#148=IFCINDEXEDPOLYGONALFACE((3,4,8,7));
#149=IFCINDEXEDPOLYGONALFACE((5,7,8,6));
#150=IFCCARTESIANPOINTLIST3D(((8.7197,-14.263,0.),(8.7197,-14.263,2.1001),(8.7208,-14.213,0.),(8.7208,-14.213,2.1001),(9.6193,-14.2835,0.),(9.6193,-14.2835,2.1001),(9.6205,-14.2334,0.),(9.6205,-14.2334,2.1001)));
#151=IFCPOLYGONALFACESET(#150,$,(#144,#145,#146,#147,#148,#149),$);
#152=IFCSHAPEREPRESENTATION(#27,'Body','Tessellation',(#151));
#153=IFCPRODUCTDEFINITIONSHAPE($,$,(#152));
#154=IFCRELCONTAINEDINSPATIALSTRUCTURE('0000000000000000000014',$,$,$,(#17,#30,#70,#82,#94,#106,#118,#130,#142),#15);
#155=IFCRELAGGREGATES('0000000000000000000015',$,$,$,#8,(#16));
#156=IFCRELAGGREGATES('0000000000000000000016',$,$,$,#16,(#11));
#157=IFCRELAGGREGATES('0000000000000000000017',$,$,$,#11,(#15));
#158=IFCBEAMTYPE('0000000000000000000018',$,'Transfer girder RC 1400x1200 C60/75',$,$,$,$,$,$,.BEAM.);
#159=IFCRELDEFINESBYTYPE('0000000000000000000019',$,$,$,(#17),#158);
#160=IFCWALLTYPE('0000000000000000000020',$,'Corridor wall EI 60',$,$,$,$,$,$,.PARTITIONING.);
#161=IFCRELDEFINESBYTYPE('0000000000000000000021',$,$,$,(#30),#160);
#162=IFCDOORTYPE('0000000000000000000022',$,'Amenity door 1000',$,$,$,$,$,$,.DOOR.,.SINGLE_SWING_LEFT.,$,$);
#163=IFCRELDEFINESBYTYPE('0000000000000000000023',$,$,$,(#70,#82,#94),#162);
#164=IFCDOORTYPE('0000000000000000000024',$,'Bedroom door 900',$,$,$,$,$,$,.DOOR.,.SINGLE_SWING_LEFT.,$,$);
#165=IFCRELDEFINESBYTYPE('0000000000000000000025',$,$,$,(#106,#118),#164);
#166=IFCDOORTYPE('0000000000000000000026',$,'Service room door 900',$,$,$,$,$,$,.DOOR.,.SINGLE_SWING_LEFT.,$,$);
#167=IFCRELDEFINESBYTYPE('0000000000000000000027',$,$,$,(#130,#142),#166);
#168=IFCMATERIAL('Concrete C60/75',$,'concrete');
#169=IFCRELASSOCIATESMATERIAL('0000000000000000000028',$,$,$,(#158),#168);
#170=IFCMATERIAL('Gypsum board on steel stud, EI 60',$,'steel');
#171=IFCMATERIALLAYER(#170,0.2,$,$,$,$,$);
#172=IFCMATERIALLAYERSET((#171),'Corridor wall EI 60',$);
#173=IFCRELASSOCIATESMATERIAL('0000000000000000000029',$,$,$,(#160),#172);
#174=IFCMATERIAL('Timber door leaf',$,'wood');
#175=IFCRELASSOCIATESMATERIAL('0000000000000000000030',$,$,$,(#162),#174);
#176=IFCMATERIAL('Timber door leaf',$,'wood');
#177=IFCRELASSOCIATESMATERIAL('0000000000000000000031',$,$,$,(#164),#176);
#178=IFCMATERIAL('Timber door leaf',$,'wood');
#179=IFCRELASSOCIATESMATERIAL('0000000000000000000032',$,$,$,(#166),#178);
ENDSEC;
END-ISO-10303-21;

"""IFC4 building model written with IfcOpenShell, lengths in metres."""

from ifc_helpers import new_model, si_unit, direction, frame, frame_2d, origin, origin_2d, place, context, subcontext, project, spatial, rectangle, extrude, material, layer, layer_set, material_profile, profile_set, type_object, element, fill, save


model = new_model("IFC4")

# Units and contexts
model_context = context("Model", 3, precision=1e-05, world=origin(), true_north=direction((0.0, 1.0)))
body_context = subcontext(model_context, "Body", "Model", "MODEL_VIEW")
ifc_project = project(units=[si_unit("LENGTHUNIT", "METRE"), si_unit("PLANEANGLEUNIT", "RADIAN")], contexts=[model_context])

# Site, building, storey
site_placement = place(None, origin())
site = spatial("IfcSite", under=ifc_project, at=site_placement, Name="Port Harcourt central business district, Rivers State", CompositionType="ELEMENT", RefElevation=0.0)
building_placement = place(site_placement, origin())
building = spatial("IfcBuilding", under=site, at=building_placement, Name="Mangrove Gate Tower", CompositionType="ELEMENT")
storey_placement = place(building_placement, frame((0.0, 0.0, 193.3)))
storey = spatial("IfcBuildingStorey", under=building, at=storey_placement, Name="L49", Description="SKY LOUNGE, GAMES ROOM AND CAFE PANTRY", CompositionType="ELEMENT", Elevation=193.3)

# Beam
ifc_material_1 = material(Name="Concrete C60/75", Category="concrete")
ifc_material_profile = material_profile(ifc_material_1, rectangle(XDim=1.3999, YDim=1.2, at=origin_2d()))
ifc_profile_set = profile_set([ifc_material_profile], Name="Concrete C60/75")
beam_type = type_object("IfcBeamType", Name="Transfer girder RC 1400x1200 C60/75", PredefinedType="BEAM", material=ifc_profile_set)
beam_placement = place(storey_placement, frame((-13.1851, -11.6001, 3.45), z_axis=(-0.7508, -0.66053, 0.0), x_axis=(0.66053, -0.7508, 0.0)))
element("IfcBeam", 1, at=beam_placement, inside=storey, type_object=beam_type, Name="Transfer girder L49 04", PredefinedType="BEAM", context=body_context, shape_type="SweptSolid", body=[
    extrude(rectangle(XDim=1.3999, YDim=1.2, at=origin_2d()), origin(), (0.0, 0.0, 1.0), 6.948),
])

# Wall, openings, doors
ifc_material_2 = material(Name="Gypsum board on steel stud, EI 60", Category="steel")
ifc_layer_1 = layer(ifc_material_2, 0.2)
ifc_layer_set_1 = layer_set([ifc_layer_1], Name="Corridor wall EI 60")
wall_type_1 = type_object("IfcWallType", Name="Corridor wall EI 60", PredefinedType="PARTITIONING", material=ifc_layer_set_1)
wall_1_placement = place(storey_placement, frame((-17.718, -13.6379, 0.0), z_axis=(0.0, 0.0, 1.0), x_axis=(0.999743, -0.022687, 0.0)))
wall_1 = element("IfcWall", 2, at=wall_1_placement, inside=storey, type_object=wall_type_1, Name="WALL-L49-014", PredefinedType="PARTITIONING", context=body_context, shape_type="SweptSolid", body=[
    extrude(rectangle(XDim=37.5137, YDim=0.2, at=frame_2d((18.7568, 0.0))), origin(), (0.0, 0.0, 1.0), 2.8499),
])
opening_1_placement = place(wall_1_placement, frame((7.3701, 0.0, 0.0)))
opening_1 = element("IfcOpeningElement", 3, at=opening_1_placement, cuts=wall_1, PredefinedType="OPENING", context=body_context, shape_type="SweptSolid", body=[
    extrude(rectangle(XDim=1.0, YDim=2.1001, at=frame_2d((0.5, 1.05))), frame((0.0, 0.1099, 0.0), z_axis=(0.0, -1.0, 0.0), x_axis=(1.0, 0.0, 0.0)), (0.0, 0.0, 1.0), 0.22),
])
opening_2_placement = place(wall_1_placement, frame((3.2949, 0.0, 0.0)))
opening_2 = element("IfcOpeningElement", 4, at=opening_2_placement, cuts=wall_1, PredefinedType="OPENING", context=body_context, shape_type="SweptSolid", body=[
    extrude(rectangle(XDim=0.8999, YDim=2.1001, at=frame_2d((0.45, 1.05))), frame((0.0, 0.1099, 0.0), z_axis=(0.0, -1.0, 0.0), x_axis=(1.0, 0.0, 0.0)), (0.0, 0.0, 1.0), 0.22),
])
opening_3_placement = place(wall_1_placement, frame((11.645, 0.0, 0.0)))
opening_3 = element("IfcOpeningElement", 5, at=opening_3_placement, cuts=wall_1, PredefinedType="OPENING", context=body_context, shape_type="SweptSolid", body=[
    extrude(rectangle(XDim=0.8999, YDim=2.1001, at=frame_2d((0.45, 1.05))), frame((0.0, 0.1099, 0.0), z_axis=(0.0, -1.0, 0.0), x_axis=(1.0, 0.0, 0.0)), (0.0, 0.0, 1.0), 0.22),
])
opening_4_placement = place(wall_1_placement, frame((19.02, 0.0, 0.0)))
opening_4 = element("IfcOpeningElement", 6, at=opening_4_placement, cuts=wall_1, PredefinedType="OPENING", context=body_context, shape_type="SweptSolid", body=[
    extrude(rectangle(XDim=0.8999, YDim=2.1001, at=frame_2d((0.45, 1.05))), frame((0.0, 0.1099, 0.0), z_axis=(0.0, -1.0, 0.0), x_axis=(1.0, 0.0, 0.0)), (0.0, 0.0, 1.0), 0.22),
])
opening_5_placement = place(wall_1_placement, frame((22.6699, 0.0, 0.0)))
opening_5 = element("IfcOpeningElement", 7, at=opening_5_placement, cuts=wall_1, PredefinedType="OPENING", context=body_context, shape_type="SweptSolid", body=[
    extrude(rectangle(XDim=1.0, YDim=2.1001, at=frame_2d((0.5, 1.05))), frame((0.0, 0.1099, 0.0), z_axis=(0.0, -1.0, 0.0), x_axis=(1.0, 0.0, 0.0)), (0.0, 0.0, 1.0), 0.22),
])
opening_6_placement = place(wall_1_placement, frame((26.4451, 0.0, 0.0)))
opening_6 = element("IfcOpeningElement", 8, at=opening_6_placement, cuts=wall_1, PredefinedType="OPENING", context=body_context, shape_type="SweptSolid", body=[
※ ※ ※
WHAT THIS TASK INVOLVES => Give back precisely the lines above that start at the line containing "#172=IFCMATERIALLAYERSET((#171),'Corridor wall EI" and end at the line containing "rectangle(XDim=1.3999, YDim=1.2, at=origin_2d()))", inclusive. No other lines belong in the output.

RESULT FOR THIS TASK =>
#172=IFCMATERIALLAYERSET((#171),'Corridor wall EI 60',$);
#173=IFCRELASSOCIATESMATERIAL('0000000000000000000029',$,$,$,(#160),#172);
#174=IFCMATERIAL('Timber door leaf',$,'wood');
#175=IFCRELASSOCIATESMATERIAL('0000000000000000000030',$,$,$,(#162),#174);
#176=IFCMATERIAL('Timber door leaf',$,'wood');
#177=IFCRELASSOCIATESMATERIAL('0000000000000000000031',$,$,$,(#164),#176);
#178=IFCMATERIAL('Timber door leaf',$,'wood');
#179=IFCRELASSOCIATESMATERIAL('0000000000000000000032',$,$,$,(#166),#178);
ENDSEC;
END-ISO-10303-21;

"""IFC4 building model written with IfcOpenShell, lengths in metres."""

from ifc_helpers import new_model, si_unit, direction, frame, frame_2d, origin, origin_2d, place, context, subcontext, project, spatial, rectangle, extrude, material, layer, layer_set, material_profile, profile_set, type_object, element, fill, save


model = new_model("IFC4")

# Units and contexts
model_context = context("Model", 3, precision=1e-05, world=origin(), true_north=direction((0.0, 1.0)))
body_context = subcontext(model_context, "Body", "Model", "MODEL_VIEW")
ifc_project = project(units=[si_unit("LENGTHUNIT", "METRE"), si_unit("PLANEANGLEUNIT", "RADIAN")], contexts=[model_context])

# Site, building, storey
site_placement = place(None, origin())
site = spatial("IfcSite", under=ifc_project, at=site_placement, Name="Port Harcourt central business district, Rivers State", CompositionType="ELEMENT", RefElevation=0.0)
building_placement = place(site_placement, origin())
building = spatial("IfcBuilding", under=site, at=building_placement, Name="Mangrove Gate Tower", CompositionType="ELEMENT")
storey_placement = place(building_placement, frame((0.0, 0.0, 193.3)))
storey = spatial("IfcBuildingStorey", under=building, at=storey_placement, Name="L49", Description="SKY LOUNGE, GAMES ROOM AND CAFE PANTRY", CompositionType="ELEMENT", Elevation=193.3)

# Beam
ifc_material_1 = material(Name="Concrete C60/75", Category="concrete")
ifc_material_profile = material_profile(ifc_material_1, rectangle(XDim=1.3999, YDim=1.2, at=origin_2d()))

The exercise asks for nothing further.